WHAT TO PRODUCE:
For every line of the records below that holds "parts", add one. Give only the final total.

DATA EXCERPTS:

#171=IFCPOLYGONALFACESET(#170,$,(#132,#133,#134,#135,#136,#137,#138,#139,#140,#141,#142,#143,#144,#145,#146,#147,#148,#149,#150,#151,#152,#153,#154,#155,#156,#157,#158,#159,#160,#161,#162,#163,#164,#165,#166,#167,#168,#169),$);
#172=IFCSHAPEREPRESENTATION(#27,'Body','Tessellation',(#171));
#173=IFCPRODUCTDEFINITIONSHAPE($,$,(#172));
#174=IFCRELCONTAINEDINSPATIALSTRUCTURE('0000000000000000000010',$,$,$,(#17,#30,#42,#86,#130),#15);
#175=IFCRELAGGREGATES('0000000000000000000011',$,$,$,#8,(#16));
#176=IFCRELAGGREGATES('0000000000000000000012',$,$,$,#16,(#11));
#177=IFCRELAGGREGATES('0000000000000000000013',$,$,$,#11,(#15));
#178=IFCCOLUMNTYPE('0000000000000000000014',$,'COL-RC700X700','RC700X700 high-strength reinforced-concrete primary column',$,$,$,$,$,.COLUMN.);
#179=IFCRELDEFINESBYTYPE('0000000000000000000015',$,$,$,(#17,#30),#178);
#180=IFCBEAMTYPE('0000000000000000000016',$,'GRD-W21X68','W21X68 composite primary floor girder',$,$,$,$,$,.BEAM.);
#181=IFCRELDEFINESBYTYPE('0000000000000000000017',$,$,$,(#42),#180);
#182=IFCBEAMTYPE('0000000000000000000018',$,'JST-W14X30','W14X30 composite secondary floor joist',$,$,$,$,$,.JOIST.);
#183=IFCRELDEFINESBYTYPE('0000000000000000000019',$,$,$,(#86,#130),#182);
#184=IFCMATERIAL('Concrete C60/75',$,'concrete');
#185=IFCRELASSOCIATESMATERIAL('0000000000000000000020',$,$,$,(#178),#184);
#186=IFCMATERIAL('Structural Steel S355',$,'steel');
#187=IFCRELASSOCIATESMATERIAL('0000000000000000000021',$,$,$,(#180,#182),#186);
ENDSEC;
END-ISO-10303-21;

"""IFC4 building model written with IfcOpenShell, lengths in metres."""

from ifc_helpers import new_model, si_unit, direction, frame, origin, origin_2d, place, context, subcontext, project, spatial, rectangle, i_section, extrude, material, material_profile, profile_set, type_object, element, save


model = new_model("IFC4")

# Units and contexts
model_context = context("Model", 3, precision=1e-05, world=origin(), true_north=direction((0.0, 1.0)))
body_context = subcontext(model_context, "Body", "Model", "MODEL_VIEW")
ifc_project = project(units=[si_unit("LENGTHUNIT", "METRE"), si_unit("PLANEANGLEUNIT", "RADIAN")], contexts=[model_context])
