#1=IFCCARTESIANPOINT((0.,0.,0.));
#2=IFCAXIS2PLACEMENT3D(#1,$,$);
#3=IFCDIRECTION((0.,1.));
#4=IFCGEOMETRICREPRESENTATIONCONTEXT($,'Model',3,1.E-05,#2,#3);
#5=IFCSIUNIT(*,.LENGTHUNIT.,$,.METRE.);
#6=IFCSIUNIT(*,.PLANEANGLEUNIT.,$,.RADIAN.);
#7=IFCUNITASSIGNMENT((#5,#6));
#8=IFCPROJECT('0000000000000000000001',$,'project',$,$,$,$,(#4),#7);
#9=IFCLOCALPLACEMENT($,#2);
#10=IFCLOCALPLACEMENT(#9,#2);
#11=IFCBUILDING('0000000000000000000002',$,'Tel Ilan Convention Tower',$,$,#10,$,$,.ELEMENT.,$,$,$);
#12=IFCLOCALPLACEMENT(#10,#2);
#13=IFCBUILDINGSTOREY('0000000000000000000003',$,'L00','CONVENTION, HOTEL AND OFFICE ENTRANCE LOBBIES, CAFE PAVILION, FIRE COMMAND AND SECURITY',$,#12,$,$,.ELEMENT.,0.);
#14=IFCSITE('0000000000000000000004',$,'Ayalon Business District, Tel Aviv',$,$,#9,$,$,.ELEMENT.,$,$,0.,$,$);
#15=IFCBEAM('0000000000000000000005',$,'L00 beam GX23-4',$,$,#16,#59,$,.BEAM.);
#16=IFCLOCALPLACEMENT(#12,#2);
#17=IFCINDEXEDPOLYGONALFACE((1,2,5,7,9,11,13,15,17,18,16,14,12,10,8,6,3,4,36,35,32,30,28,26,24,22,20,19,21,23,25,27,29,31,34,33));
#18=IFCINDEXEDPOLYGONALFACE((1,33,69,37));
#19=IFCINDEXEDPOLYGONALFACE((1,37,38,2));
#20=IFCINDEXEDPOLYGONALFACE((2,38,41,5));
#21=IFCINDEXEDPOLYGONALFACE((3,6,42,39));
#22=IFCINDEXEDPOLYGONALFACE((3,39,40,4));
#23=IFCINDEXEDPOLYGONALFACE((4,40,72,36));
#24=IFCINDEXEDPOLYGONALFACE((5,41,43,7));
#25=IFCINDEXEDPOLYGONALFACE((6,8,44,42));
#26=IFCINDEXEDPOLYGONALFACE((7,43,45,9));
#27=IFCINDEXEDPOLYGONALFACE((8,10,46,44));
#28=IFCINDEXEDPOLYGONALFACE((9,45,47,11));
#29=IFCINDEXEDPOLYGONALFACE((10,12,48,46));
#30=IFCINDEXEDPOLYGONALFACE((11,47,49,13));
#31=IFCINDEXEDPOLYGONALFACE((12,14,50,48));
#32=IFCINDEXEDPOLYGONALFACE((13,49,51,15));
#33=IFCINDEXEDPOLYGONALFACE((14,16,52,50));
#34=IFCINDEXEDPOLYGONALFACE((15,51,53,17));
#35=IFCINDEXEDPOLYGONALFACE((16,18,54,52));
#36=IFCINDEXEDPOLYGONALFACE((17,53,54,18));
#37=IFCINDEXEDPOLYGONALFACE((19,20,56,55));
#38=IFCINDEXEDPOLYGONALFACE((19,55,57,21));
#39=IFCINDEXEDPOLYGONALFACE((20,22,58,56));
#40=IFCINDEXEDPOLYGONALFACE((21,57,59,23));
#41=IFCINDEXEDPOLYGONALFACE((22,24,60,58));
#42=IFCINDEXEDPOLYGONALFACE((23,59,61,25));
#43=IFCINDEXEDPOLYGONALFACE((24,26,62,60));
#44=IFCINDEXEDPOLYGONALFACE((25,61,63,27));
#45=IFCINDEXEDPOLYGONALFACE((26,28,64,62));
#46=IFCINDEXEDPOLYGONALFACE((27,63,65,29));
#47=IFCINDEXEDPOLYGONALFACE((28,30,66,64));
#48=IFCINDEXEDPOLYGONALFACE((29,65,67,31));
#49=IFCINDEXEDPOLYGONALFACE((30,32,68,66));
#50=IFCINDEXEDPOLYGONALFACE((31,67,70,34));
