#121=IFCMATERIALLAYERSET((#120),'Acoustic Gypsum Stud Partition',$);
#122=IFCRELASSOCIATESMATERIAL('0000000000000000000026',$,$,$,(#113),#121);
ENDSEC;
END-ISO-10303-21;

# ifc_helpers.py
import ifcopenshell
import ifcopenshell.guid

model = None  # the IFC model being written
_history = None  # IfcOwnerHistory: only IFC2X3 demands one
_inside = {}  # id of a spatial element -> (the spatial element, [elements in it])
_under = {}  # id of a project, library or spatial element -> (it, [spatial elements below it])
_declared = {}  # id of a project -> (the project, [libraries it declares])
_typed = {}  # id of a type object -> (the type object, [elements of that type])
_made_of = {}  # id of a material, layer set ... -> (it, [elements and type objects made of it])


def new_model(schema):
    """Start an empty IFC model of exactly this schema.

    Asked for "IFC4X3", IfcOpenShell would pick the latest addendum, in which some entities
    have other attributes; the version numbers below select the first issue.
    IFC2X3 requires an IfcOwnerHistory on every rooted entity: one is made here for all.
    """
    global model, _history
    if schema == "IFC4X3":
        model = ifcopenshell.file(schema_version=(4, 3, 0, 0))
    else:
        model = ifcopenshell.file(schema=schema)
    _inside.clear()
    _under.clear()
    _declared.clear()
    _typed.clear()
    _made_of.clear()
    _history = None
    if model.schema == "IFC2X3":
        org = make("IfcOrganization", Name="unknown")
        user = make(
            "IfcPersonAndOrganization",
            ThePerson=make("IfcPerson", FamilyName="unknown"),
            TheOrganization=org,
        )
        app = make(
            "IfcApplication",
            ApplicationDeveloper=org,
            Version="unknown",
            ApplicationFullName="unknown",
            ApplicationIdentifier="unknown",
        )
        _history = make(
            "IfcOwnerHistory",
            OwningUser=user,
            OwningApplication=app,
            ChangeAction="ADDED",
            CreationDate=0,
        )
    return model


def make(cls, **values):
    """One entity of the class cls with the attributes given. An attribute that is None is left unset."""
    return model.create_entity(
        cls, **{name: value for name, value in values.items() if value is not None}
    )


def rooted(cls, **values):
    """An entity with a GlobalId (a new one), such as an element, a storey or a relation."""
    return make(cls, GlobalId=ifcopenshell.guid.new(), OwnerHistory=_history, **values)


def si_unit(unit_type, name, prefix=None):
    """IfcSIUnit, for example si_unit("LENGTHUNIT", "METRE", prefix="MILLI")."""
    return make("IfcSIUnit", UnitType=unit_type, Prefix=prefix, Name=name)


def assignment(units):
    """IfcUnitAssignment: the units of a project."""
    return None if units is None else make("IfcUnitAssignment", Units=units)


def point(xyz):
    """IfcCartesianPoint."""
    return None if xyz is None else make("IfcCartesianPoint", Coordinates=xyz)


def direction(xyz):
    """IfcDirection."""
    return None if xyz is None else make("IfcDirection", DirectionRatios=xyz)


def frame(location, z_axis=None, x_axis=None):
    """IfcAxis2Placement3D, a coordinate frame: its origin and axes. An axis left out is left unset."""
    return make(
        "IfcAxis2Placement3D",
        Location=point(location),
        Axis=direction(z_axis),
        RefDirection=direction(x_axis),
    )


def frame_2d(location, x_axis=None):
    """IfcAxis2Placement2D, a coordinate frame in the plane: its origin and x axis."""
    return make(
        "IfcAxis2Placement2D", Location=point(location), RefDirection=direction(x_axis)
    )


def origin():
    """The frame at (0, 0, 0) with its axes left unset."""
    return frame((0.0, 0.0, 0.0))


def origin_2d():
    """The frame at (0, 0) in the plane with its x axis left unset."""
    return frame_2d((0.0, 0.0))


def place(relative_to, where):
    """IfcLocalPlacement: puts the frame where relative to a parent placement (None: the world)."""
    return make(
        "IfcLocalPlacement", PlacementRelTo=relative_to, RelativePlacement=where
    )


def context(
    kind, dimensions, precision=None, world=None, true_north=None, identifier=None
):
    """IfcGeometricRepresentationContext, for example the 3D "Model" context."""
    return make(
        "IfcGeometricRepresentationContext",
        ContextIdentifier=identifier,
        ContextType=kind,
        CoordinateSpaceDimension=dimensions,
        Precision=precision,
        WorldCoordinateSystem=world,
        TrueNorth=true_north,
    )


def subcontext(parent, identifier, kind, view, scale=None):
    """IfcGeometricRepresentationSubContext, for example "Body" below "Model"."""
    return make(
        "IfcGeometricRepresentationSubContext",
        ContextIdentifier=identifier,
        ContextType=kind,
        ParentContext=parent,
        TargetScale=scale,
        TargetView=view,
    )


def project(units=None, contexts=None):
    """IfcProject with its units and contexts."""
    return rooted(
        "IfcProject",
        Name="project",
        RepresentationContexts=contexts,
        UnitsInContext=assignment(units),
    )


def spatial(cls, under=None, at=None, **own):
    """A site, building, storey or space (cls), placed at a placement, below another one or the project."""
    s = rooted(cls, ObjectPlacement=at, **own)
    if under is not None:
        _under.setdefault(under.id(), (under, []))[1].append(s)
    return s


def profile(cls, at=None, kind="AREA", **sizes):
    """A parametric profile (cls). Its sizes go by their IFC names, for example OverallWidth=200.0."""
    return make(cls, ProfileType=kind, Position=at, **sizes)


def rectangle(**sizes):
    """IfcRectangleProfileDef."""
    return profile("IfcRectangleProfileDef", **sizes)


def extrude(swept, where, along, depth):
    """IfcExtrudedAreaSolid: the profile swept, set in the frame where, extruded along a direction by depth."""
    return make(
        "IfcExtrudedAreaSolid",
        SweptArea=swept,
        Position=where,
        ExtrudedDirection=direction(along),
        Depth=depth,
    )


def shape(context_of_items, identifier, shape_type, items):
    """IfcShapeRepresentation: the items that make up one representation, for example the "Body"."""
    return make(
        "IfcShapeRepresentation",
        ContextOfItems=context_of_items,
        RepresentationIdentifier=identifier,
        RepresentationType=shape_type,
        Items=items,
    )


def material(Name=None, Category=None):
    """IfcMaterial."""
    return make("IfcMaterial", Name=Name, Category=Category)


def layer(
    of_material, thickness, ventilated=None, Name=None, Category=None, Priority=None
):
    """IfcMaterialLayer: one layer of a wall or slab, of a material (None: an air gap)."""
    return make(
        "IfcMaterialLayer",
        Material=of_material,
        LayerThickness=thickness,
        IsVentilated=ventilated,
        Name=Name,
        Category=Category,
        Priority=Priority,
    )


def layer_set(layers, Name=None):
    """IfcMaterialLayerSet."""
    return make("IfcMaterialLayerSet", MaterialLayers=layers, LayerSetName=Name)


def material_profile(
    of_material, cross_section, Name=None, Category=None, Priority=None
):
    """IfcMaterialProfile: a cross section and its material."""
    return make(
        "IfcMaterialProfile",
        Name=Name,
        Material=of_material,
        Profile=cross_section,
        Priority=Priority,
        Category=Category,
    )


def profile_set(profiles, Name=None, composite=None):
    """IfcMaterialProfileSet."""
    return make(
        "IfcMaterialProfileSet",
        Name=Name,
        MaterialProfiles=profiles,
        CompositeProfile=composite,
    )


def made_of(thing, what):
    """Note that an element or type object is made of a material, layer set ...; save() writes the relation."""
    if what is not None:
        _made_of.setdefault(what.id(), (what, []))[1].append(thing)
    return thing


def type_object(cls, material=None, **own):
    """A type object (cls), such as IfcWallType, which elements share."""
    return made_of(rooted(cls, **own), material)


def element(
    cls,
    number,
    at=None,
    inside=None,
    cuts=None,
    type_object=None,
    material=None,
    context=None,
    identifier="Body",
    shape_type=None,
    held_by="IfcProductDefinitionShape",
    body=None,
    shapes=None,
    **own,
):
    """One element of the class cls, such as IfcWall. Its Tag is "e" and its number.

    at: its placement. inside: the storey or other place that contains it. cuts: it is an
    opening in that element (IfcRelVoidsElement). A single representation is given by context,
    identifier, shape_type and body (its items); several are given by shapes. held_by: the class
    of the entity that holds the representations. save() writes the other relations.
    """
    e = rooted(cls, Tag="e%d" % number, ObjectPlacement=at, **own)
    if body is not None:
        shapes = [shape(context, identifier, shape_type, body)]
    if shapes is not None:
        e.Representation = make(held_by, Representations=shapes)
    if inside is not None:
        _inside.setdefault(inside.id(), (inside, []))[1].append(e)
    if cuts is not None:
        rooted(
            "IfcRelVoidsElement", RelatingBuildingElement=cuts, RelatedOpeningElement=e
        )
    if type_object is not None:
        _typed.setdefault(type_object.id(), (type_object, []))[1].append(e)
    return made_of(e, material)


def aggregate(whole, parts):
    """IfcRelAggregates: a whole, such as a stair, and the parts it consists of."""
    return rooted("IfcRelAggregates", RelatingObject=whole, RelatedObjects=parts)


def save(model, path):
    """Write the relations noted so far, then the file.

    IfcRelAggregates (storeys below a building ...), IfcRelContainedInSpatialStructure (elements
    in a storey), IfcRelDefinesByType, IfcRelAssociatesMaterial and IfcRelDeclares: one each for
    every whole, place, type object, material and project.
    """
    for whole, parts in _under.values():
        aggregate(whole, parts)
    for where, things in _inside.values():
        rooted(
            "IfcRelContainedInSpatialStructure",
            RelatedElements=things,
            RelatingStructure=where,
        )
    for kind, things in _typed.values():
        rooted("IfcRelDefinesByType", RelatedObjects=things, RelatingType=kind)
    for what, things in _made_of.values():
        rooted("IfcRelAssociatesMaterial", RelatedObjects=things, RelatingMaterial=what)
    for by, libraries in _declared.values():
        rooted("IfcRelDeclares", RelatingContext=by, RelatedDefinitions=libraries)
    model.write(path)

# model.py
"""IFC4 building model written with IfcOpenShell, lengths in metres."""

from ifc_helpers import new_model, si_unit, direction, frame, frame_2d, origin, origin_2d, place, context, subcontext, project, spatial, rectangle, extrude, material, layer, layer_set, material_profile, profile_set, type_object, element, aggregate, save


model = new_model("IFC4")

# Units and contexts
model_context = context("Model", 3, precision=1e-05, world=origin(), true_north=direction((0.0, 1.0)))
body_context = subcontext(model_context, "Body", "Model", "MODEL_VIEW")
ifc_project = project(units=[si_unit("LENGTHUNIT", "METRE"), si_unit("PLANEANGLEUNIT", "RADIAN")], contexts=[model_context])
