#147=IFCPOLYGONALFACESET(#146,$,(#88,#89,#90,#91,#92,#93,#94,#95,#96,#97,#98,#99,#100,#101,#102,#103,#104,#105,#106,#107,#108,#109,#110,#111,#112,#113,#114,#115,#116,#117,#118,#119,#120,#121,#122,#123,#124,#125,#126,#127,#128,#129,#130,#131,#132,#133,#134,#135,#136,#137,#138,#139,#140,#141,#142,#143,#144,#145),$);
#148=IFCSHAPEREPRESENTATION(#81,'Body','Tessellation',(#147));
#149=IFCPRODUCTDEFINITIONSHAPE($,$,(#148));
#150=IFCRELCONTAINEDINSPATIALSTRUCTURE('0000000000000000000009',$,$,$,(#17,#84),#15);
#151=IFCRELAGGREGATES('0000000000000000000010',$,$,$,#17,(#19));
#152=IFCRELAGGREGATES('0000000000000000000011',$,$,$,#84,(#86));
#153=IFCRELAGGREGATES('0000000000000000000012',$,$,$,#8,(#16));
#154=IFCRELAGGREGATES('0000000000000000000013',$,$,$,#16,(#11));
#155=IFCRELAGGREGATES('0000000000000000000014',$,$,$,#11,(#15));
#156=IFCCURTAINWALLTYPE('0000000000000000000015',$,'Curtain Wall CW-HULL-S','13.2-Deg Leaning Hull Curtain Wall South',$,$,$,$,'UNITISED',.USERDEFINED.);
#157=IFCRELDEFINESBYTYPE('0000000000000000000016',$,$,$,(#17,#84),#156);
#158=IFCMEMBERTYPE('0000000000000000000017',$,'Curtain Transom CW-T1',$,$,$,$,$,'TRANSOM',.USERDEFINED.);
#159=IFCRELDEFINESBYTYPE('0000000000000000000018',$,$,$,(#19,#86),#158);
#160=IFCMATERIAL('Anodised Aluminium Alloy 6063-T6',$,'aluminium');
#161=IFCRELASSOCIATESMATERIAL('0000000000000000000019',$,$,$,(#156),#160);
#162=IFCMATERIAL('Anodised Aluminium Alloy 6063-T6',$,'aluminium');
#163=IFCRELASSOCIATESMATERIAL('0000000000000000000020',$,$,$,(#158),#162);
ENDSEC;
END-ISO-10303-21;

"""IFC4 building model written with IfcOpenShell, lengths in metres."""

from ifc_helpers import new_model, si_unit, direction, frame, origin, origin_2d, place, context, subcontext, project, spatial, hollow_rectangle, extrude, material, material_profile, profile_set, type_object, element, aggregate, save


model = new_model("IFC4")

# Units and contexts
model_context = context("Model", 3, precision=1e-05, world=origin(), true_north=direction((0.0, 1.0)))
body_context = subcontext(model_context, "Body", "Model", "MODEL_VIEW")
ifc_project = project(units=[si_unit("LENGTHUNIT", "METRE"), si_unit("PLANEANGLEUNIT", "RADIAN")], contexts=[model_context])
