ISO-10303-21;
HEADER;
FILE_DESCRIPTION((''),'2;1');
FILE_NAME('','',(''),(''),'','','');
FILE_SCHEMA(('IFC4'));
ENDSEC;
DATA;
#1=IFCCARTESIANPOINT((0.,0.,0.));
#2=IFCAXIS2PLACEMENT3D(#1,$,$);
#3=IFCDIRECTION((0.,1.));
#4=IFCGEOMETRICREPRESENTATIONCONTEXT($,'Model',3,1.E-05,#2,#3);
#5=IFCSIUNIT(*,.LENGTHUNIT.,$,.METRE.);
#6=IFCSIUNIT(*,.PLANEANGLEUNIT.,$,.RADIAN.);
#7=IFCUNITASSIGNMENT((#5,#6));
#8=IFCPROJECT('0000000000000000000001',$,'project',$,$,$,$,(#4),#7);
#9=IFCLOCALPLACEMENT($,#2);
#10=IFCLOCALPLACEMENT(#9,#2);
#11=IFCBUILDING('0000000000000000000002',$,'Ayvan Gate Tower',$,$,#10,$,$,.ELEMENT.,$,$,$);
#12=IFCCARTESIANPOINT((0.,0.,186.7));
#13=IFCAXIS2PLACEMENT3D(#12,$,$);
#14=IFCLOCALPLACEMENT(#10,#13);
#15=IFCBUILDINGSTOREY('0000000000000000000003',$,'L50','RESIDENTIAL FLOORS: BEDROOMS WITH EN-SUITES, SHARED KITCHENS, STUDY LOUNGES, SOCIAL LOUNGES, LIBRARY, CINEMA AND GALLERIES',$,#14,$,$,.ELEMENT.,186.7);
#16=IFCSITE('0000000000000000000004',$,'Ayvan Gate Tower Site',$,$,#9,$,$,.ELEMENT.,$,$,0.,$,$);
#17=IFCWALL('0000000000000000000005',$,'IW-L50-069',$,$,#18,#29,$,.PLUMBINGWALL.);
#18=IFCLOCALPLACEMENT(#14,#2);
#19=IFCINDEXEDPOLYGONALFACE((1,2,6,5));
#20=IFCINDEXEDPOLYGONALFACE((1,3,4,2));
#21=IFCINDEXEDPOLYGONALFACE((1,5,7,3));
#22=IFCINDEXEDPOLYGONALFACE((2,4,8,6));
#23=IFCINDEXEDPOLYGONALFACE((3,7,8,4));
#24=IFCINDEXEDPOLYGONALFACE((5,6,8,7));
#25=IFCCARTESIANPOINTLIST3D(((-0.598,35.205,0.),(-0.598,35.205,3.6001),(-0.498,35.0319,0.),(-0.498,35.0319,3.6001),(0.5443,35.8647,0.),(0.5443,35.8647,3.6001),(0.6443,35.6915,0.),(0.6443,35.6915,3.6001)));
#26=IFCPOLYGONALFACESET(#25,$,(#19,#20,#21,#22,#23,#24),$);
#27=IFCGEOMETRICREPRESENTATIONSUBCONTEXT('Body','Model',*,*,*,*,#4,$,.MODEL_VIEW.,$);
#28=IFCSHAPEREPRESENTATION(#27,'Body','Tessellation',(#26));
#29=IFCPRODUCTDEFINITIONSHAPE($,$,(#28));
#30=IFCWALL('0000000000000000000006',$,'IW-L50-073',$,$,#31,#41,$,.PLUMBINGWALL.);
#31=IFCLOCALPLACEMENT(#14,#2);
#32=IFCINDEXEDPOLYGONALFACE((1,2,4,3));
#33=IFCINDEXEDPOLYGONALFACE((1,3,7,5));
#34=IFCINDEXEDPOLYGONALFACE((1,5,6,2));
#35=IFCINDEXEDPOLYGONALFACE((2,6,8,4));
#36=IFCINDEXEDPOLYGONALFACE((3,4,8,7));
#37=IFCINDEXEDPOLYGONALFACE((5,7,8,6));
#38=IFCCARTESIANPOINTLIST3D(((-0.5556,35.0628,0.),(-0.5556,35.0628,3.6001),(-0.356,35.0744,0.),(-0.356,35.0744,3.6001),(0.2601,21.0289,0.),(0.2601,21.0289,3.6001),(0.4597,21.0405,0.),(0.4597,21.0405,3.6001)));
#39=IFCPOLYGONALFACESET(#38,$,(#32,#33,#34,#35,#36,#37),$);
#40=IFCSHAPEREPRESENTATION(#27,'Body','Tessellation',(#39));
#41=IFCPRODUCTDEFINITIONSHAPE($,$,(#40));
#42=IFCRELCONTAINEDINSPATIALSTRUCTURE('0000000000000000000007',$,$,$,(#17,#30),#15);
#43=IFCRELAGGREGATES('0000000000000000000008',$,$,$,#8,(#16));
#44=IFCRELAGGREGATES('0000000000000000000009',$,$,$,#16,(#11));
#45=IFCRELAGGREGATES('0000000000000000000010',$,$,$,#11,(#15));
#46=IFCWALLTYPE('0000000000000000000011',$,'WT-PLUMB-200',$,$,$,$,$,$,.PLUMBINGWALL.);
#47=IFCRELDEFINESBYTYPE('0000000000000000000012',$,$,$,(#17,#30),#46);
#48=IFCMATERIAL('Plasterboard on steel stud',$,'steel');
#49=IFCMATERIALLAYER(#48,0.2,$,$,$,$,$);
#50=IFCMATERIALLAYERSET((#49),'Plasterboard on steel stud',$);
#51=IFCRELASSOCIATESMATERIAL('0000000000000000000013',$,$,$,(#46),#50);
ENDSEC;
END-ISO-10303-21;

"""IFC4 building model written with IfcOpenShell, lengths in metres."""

from ifc_helpers import new_model, si_unit, direction, frame, frame_2d, origin, place, context, subcontext, project, spatial, rectangle, extrude, material, layer, layer_set, type_object, element, save


model = new_model("IFC4")

# Units and contexts
model_context = context("Model", 3, precision=1e-05, world=origin(), true_north=direction((0.0, 1.0)))
body_context = subcontext(model_context, "Body", "Model", "MODEL_VIEW")
ifc_project = project(units=[si_unit("LENGTHUNIT", "METRE"), si_unit("PLANEANGLEUNIT", "RADIAN")], contexts=[model_context])

# Site, building, storey
site_placement = place(None, origin())
site = spatial("IfcSite", under=ifc_project, at=site_placement, Name="Ayvan Gate Tower Site", CompositionType="ELEMENT", RefElevation=0.0)
building_placement = place(site_placement, origin())
building = spatial("IfcBuilding", under=site, at=building_placement, Name="Ayvan Gate Tower", CompositionType="ELEMENT")
storey_placement = place(building_placement, frame((0.0, 0.0, 186.7)))
storey = spatial("IfcBuildingStorey", under=building, at=storey_placement, Name="L50", Description="RESIDENTIAL FLOORS: BEDROOMS WITH EN-SUITES, SHARED KITCHENS, STUDY LOUNGES, SOCIAL LOUNGES, LIBRARY, CINEMA AND GALLERIES", CompositionType="ELEMENT", Elevation=186.7)

# Shared definitions
ifc_material_1 = material(Name="Plasterboard on steel stud", Category="steel")

# Walls
ifc_layer_1 = layer(ifc_material_1, 0.2)
ifc_layer_set_1 = layer_set([ifc_layer_1], Name="Plasterboard on steel stud")
wall_type_1 = type_object("IfcWallType", Name="WT-PLUMB-200", PredefinedType="PLUMBINGWALL", material=ifc_layer_set_1)
wall_1_placement = place(storey_placement, frame((-0.5481, 35.1184, 0.0), z_axis=(0.0, 0.0, 1.0), x_axis=(0.865979, 0.50008, 0.0)))
element("IfcWall", 1, at=wall_1_placement, inside=storey, type_object=wall_type_1, Name="IW-L50-069", PredefinedType="PLUMBINGWALL", context=body_context, shape_type="SweptSolid", body=[
    extrude(rectangle(XDim=1.3191, YDim=0.2, at=frame_2d((0.6597, 0.0))), origin(), (0.0, 0.0, 1.0), 3.6001),
])
wall_2_placement = place(storey_placement, frame((-0.4558, 35.0686, 0.0), z_axis=(0.0, 0.0, 1.0), x_axis=(0.058024, -0.998315, 0.0)))
element("IfcWall", 2, at=wall_2_placement, inside=storey, type_object=wall_type_1, Name="IW-L50-073", PredefinedType="PLUMBINGWALL", context=body_context, shape_type="SweptSolid", body=[
    extrude(rectangle(XDim=14.0576, YDim=0.2, at=frame_2d((7.0288, 0.0))), origin(), (0.0, 0.0, 1.0), 3.6001),
])

save(model, "model.ifc")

TASK OUTPUT:
5